- _Task item_: Once the line with "#65=IFCINDEXEDPOLYGONALFACE((37,41,42,38));" is found in the entries below, repeat it and each following line exactly, up to and including the line with "#66=IFCINDEXEDPOLYGONALFACE((39,40,42,41));". Add no other lines.

[Records drawn from a dataset]
**********

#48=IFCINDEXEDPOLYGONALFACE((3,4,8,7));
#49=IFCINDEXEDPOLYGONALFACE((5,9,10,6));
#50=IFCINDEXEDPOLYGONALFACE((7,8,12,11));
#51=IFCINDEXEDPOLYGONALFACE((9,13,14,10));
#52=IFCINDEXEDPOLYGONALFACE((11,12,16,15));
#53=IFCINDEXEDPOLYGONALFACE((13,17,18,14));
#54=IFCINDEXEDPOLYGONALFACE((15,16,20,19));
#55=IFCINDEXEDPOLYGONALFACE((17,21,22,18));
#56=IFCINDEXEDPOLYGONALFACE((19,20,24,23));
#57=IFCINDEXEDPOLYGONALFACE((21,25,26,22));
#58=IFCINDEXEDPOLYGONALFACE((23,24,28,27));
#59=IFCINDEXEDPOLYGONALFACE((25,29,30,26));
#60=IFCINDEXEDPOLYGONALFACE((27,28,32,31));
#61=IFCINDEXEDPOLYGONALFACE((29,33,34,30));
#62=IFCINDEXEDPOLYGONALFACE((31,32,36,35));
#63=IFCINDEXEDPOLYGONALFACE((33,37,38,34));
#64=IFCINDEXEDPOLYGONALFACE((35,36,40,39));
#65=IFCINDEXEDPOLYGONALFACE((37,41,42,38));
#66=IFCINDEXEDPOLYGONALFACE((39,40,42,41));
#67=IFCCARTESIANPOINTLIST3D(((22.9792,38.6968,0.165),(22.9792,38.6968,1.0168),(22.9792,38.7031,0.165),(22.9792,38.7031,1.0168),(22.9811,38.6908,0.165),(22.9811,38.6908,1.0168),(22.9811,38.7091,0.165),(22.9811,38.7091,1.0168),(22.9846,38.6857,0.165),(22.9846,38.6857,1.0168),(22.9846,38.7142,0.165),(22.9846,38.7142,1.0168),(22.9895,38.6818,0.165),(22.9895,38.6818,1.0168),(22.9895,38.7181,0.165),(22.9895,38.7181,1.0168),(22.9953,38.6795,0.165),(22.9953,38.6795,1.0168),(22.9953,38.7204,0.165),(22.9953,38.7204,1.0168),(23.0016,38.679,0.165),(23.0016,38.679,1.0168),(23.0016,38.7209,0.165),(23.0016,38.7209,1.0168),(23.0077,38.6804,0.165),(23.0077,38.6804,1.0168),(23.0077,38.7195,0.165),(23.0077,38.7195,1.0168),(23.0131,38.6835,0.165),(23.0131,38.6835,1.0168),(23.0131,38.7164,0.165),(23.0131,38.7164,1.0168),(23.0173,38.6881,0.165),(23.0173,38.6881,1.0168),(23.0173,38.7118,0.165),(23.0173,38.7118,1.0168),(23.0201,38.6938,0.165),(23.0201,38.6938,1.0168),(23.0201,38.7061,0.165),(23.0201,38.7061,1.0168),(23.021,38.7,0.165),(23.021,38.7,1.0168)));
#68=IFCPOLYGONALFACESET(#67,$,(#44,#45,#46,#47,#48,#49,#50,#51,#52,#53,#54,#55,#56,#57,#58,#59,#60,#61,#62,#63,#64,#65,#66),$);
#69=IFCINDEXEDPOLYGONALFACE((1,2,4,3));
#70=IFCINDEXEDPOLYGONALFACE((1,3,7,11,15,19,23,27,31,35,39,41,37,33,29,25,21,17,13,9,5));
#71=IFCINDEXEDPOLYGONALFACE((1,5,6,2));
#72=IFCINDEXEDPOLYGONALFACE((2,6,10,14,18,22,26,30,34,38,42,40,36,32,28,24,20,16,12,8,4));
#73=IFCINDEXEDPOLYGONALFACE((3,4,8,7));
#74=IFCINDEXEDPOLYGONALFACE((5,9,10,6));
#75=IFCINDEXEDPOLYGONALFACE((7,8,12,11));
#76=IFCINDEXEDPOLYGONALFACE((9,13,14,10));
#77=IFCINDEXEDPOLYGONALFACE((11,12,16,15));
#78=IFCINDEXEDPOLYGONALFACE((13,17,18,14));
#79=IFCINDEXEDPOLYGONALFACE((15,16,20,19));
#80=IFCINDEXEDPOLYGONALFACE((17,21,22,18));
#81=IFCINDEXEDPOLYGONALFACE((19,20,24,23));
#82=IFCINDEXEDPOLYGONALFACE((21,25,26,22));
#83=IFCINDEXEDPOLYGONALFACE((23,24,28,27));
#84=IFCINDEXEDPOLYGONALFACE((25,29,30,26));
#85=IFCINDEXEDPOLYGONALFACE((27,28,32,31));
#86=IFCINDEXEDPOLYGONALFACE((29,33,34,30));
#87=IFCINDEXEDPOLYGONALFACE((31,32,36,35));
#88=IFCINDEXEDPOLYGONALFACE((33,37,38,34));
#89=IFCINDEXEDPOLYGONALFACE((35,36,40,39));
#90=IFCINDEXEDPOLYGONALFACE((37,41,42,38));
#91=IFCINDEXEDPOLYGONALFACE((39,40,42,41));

**********

- _Answer to this exercise_:
#65=IFCINDEXEDPOLYGONALFACE((37,41,42,38));
#66=IFCINDEXEDPOLYGONALFACE((39,40,42,41));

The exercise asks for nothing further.